-- Opening Marker --

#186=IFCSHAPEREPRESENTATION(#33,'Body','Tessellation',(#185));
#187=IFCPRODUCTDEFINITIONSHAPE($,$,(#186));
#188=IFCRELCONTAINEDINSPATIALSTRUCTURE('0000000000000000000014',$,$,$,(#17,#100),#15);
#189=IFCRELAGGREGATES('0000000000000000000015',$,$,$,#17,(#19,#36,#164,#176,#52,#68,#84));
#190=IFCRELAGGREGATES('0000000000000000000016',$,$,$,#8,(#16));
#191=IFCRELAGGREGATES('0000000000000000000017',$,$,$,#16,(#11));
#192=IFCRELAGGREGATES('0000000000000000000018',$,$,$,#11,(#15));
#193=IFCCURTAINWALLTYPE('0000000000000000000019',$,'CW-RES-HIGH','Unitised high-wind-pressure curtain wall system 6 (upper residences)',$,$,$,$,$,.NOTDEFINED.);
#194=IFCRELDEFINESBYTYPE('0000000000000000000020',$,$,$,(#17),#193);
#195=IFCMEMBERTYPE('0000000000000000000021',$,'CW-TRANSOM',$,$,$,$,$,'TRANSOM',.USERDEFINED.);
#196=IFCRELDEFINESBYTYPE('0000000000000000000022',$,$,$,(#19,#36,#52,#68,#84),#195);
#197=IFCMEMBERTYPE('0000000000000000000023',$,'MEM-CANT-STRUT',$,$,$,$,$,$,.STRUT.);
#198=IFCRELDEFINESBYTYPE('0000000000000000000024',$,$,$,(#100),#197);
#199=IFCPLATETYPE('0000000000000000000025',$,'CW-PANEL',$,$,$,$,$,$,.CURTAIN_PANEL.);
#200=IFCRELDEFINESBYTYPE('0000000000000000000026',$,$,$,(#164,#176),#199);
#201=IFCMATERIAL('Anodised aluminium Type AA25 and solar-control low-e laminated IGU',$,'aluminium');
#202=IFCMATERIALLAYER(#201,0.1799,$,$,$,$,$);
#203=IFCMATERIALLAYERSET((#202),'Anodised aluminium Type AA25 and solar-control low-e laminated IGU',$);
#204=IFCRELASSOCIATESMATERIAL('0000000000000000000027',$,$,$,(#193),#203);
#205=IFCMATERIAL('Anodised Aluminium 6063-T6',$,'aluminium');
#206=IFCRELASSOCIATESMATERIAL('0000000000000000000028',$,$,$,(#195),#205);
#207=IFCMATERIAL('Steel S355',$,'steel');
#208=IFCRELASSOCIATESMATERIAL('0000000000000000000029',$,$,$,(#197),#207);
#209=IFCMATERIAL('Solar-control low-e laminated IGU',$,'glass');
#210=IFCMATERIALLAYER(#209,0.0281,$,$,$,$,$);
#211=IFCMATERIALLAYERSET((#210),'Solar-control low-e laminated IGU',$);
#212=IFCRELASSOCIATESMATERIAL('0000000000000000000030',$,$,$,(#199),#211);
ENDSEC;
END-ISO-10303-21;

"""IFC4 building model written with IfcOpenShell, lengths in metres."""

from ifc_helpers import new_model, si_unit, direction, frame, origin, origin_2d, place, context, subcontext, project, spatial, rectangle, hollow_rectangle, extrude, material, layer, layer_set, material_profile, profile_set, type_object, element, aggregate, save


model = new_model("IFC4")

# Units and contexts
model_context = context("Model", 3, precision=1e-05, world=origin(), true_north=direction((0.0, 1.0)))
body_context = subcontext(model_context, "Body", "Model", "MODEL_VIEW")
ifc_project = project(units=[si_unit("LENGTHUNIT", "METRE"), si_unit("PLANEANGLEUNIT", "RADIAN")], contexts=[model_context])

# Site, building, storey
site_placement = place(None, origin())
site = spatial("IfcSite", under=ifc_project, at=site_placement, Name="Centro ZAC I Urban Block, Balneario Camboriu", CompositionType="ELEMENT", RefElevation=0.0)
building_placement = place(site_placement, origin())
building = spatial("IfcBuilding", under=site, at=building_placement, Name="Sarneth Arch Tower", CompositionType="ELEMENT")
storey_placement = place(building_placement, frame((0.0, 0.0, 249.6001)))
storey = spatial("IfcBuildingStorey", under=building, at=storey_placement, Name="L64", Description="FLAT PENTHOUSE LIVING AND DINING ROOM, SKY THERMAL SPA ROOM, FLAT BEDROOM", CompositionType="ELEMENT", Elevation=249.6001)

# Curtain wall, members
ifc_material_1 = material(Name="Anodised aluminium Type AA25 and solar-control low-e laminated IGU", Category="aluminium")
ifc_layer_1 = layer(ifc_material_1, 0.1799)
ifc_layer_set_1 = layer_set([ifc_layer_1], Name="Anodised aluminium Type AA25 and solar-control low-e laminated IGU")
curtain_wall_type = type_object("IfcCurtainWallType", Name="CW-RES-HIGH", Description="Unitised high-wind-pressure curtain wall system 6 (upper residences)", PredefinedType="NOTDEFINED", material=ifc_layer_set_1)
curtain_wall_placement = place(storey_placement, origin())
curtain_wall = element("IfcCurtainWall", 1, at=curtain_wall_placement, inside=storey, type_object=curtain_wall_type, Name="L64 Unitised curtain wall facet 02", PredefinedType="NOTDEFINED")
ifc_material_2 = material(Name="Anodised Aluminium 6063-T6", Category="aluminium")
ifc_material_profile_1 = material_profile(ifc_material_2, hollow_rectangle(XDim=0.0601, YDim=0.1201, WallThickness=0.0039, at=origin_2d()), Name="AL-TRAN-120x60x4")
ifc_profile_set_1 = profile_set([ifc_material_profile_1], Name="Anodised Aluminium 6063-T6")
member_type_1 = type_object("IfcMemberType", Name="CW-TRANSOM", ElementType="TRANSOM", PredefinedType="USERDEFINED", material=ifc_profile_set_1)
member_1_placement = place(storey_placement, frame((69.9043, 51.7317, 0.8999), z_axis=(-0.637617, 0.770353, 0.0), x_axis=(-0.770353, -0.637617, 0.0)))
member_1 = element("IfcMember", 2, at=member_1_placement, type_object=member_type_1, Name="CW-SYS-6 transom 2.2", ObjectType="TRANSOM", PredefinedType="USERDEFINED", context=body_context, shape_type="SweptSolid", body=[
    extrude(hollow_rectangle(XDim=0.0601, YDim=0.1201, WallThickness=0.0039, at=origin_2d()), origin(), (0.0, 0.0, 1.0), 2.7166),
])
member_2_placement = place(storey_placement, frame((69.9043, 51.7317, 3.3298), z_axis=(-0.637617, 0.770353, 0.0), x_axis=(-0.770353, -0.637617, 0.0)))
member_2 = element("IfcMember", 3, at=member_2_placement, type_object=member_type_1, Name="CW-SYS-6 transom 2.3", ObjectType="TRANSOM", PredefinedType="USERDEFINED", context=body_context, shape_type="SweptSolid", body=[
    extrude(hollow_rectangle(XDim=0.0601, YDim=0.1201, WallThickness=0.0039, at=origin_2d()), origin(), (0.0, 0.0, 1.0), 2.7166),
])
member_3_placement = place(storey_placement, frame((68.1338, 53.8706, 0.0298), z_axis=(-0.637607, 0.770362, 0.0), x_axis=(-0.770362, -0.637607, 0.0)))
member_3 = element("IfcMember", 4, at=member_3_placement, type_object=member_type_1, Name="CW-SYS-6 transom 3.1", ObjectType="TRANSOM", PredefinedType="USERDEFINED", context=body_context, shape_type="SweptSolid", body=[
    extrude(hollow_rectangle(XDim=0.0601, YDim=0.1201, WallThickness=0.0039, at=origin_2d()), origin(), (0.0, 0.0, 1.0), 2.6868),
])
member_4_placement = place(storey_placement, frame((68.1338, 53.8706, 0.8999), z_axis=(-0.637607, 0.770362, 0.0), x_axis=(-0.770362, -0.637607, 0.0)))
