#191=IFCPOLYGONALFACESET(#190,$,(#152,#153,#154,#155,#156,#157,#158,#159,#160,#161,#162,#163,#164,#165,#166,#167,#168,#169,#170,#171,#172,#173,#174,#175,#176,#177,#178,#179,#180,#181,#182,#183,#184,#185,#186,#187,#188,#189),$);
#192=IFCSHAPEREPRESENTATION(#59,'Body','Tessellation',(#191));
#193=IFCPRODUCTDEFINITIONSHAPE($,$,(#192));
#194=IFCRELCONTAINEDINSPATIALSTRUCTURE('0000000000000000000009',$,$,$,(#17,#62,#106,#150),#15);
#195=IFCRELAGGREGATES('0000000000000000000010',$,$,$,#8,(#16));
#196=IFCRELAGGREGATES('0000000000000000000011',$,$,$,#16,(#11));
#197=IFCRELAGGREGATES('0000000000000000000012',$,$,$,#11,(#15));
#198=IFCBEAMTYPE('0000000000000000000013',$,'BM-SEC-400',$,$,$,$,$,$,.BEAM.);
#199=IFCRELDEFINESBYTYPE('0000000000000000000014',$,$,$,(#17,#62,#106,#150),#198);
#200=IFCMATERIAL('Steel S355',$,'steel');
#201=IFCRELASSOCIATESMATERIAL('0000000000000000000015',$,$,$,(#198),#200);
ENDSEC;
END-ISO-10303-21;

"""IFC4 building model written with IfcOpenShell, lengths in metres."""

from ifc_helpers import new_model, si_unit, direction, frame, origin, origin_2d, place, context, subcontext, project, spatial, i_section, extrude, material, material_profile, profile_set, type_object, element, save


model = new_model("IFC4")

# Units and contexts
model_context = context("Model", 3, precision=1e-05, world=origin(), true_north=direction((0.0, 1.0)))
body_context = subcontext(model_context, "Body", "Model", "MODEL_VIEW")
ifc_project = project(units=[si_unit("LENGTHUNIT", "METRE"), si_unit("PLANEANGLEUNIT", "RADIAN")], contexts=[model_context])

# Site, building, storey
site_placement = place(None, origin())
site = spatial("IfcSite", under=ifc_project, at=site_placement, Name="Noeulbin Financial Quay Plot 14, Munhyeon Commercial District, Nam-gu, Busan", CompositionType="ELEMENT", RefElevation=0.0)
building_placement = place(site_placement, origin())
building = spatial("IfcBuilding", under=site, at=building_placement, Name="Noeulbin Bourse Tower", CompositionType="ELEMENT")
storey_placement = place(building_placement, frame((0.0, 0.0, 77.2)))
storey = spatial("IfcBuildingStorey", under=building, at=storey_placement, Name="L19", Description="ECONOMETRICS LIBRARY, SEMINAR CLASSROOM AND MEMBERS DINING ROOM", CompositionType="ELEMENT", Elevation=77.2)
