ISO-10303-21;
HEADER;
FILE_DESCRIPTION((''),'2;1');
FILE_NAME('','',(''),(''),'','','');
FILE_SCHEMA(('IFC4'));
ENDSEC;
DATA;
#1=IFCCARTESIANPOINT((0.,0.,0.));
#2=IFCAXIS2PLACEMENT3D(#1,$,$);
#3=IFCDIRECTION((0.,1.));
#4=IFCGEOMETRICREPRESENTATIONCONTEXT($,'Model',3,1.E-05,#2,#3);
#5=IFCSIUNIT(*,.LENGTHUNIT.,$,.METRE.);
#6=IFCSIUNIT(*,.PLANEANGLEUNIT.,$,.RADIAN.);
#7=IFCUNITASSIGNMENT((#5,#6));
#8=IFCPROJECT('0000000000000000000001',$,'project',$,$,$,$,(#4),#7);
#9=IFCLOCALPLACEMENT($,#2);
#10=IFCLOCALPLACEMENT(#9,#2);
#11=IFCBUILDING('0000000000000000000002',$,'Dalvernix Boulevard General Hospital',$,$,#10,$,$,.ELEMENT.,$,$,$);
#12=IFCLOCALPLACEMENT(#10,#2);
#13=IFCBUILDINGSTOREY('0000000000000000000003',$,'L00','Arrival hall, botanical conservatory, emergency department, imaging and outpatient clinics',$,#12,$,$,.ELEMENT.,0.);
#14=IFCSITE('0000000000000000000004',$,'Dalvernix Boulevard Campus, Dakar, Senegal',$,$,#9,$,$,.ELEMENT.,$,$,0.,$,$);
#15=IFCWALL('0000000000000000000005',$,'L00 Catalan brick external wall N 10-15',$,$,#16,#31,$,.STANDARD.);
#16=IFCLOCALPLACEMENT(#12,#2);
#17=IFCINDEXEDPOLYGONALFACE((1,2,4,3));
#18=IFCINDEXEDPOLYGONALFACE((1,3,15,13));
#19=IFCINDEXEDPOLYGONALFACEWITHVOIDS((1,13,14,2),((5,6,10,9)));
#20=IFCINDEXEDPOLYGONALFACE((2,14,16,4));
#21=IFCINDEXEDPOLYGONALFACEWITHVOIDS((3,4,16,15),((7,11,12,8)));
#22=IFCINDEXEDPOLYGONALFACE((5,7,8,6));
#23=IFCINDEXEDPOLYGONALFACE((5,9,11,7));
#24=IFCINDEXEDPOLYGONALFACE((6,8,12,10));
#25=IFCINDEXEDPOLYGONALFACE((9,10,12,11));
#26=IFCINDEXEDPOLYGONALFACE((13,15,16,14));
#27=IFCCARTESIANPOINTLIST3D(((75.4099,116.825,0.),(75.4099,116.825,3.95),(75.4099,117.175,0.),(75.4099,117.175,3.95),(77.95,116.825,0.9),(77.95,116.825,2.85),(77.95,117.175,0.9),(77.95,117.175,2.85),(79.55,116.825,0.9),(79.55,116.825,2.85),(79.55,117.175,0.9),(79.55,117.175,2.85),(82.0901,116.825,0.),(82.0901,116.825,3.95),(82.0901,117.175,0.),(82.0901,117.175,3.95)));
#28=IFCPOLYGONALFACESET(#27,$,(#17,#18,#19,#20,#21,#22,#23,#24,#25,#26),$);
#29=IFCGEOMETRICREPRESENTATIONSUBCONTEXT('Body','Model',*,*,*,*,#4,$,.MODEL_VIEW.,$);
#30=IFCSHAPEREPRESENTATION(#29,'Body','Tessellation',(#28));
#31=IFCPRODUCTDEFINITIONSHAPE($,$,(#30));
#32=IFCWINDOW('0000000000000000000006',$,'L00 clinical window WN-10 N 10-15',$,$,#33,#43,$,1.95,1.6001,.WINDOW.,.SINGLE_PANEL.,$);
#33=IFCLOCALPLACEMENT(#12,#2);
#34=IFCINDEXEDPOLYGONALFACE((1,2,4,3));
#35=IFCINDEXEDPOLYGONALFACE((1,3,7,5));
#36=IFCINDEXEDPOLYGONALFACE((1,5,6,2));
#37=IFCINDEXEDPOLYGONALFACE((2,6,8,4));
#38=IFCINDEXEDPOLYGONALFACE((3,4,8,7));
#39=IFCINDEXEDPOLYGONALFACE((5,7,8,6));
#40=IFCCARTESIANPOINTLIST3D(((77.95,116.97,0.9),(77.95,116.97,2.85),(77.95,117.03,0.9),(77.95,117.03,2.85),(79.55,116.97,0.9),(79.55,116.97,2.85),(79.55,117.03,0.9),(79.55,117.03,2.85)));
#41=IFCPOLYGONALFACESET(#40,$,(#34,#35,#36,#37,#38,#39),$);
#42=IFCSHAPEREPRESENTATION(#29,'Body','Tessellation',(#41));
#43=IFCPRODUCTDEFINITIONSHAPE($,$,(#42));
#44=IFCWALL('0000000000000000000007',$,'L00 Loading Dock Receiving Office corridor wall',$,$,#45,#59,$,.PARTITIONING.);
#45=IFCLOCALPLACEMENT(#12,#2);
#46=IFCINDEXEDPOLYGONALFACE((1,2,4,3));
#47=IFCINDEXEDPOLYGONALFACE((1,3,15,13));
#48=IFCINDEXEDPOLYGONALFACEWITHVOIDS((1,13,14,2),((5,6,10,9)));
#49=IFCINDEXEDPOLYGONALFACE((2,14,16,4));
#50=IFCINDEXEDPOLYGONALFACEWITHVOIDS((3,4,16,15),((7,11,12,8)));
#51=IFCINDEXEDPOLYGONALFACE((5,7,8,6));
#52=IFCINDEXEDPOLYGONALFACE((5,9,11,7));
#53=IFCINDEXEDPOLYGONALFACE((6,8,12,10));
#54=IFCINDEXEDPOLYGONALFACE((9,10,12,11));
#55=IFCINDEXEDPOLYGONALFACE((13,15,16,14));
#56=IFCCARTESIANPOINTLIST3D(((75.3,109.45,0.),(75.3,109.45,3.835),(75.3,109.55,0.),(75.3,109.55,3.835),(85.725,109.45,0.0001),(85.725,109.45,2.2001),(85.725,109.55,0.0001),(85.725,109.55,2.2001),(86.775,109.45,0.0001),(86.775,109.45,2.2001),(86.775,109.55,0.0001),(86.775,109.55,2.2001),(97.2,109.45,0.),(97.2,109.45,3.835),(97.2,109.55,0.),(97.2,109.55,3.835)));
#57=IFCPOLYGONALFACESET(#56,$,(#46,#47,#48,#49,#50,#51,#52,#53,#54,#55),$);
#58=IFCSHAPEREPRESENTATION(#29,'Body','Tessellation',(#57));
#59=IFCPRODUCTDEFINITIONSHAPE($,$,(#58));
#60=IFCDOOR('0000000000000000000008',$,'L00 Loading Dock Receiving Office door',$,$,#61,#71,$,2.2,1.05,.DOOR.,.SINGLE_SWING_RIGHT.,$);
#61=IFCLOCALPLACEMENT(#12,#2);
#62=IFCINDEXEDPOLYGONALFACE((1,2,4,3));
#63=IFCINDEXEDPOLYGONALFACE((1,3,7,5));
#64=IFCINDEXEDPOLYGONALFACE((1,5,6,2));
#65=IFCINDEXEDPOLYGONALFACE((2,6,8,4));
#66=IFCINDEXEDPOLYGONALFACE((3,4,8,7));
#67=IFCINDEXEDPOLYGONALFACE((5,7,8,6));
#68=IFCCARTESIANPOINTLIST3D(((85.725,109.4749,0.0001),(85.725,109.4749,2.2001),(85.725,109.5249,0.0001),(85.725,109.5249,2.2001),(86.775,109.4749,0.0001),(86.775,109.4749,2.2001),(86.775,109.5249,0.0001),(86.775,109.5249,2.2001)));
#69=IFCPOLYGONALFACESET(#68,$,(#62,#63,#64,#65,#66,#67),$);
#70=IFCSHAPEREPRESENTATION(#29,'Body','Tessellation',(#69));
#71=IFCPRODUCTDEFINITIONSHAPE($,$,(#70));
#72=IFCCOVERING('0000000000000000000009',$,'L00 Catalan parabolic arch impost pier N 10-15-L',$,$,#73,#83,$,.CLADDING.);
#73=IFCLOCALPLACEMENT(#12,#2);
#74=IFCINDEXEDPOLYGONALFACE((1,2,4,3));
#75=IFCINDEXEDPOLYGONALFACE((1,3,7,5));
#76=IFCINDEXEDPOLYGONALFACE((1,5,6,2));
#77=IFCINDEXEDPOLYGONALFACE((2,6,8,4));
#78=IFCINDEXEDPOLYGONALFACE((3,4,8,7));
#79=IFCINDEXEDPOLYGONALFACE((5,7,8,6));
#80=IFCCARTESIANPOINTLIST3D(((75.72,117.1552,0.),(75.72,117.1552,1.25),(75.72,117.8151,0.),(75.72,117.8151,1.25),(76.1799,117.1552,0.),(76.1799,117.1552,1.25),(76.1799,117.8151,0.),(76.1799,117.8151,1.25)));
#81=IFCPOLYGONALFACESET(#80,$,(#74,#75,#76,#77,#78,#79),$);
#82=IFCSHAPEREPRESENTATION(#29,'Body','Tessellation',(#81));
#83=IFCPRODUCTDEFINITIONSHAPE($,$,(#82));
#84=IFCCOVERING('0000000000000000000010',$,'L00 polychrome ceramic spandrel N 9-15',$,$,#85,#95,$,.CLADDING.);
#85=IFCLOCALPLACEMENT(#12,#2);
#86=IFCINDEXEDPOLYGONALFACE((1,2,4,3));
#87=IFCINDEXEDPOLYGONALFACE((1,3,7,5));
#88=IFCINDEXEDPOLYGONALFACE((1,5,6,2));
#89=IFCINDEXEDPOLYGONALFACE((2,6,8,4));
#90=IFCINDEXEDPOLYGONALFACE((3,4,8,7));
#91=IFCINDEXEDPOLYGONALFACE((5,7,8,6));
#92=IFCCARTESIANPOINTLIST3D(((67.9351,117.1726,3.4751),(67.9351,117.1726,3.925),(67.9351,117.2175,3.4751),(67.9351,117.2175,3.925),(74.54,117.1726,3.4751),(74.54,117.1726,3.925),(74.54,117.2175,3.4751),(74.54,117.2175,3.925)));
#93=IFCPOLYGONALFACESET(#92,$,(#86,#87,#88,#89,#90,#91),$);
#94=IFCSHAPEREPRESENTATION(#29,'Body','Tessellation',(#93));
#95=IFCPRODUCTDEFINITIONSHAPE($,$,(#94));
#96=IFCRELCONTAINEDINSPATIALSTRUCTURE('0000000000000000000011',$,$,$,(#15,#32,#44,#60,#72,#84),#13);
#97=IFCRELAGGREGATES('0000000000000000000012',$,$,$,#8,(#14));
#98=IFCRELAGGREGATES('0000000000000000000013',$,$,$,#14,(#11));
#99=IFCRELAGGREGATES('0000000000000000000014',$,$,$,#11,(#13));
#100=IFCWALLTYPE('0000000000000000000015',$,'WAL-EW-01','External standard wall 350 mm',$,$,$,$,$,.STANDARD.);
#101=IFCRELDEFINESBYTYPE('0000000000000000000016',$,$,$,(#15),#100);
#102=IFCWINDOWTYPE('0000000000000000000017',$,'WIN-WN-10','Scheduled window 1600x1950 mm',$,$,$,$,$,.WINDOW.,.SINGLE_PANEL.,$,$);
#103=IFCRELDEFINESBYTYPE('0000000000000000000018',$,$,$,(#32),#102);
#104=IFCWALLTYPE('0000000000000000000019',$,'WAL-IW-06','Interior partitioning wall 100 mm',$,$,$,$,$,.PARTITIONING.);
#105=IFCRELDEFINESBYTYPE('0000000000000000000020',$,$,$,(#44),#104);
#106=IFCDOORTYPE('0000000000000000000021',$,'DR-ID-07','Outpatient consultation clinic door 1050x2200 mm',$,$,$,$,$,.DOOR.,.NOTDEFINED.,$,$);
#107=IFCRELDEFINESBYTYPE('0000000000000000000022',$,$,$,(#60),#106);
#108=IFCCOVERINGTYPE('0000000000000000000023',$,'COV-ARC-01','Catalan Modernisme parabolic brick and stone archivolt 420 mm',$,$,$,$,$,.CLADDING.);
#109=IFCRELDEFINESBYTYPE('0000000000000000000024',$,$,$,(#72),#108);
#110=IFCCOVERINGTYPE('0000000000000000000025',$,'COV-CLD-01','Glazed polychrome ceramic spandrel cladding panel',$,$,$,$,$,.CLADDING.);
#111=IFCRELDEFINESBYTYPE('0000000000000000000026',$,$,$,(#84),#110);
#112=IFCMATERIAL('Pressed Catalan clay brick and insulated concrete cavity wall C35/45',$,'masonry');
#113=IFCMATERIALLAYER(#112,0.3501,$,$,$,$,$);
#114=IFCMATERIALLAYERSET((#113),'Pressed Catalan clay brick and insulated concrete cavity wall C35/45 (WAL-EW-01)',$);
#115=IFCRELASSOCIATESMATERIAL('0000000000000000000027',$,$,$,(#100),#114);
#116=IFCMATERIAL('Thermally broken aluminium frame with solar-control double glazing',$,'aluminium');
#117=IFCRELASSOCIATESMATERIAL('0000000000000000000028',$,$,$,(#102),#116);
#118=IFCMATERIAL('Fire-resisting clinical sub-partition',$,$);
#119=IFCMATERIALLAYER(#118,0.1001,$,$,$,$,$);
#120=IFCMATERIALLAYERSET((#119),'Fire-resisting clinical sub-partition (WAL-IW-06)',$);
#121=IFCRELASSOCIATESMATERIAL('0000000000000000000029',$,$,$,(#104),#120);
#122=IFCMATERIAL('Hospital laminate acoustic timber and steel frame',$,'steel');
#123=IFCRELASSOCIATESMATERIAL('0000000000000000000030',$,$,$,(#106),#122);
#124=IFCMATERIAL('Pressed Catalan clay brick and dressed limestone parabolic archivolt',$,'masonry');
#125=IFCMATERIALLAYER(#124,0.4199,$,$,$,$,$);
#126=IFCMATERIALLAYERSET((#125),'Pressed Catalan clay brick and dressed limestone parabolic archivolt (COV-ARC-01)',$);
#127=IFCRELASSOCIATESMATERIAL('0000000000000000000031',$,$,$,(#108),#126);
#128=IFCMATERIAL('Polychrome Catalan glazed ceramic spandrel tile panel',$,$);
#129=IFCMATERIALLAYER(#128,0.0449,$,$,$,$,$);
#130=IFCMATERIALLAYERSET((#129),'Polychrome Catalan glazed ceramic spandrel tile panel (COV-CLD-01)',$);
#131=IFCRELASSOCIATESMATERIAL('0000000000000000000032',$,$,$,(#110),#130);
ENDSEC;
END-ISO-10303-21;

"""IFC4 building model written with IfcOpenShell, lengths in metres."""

from ifc_helpers import new_model, si_unit, direction, frame, frame_2d, origin, origin_2d, place, context, subcontext, project, spatial, rectangle, extrude, material, layer, layer_set, type_object, element, fill, save


model = new_model("IFC4")

# Units and contexts
model_context = context("Model", 3, precision=1e-05, world=origin(), true_north=direction((0.0, 1.0)))
body_context = subcontext(model_context, "Body", "Model", "MODEL_VIEW")
ifc_project = project(units=[si_unit("LENGTHUNIT", "METRE"), si_unit("PLANEANGLEUNIT", "RADIAN")], contexts=[model_context])

# Site, building, storey
site_placement = place(None, origin())
site = spatial("IfcSite", under=ifc_project, at=site_placement, Name="Dalvernix Boulevard Campus, Dakar, Senegal", CompositionType="ELEMENT", RefElevation=0.0)
building_placement = place(site_placement, origin())
building = spatial("IfcBuilding", under=site, at=building_placement, Name="Dalvernix Boulevard General Hospital", CompositionType="ELEMENT")
storey_placement = place(building_placement, origin())
storey = spatial("IfcBuildingStorey", under=building, at=storey_placement, Name="L00", Description="Arrival hall, botanical conservatory, emergency department, imaging and outpatient clinics", CompositionType="ELEMENT", Elevation=0.0)

# Shared definitions
ifc_material_1 = material(Name="Hospital laminate acoustic timber and steel frame", Category="steel")

# Wall, opening, window
ifc_material_2 = material(Name="Pressed Catalan clay brick and insulated concrete cavity wall C35/45", Category="masonry")
ifc_layer_1 = layer(ifc_material_2, 0.3501)
ifc_layer_set_1 = layer_set([ifc_layer_1], Name="Pressed Catalan clay brick and insulated concrete cavity wall C35/45 (WAL-EW-01)")
wall_type_1 = type_object("IfcWallType", Name="WAL-EW-01", Description="External standard wall 350 mm", PredefinedType="STANDARD", material=ifc_layer_set_1)
wall_1_placement = place(storey_placement, frame((75.4099, 117.0, 0.0), z_axis=(0.0, 0.0, 1.0), x_axis=(1.0, 0.0, 0.0)))
wall_1 = element("IfcWall", 1, at=wall_1_placement, inside=storey, type_object=wall_type_1, Name="L00 Catalan brick external wall N 10-15", PredefinedType="STANDARD", context=body_context, shape_type="SweptSolid", body=[
    extrude(rectangle(XDim=6.6802, YDim=0.3501, at=frame_2d((3.3401, 0.0))), origin(), (0.0, 0.0, 1.0), 3.95),
])
opening_1_placement = place(wall_1_placement, frame((2.54, 0.0, 0.8999)))
opening_1 = element("IfcOpeningElement", 2, at=opening_1_placement, cuts=wall_1, PredefinedType="OPENING", context=body_context, shape_type="SweptSolid", body=[
    extrude(rectangle(XDim=1.6001, YDim=1.95, at=frame_2d((0.8, 0.9751))), frame((0.0, 0.1851, 0.0), z_axis=(0.0, -1.0, 0.0), x_axis=(1.0, 0.0, 0.0)), (0.0, 0.0, 1.0), 0.3701),
])
ifc_material_3 = material(Name="Thermally broken aluminium frame with solar-control double glazing", Category="aluminium")
window_type = type_object("IfcWindowType", Name="WIN-WN-10", Description="Scheduled window 1600x1950 mm", PartitioningType="SINGLE_PANEL", PredefinedType="WINDOW", material=ifc_material_3)
window_placement = place(opening_1_placement, origin())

-- Closing Marker --

● **Work task**
Pull out all lines of the data with the string "archivolt".

● **Solution**
#108=IFCCOVERINGTYPE('0000000000000000000023',$,'COV-ARC-01','Catalan Modernisme parabolic brick and stone archivolt 420 mm',$,$,$,$,$,.CLADDING.);
#124=IFCMATERIAL('Pressed Catalan clay brick and dressed limestone parabolic archivolt',$,'masonry');
#126=IFCMATERIALLAYERSET((#125),'Pressed Catalan clay brick and dressed limestone parabolic archivolt (COV-ARC-01)',$);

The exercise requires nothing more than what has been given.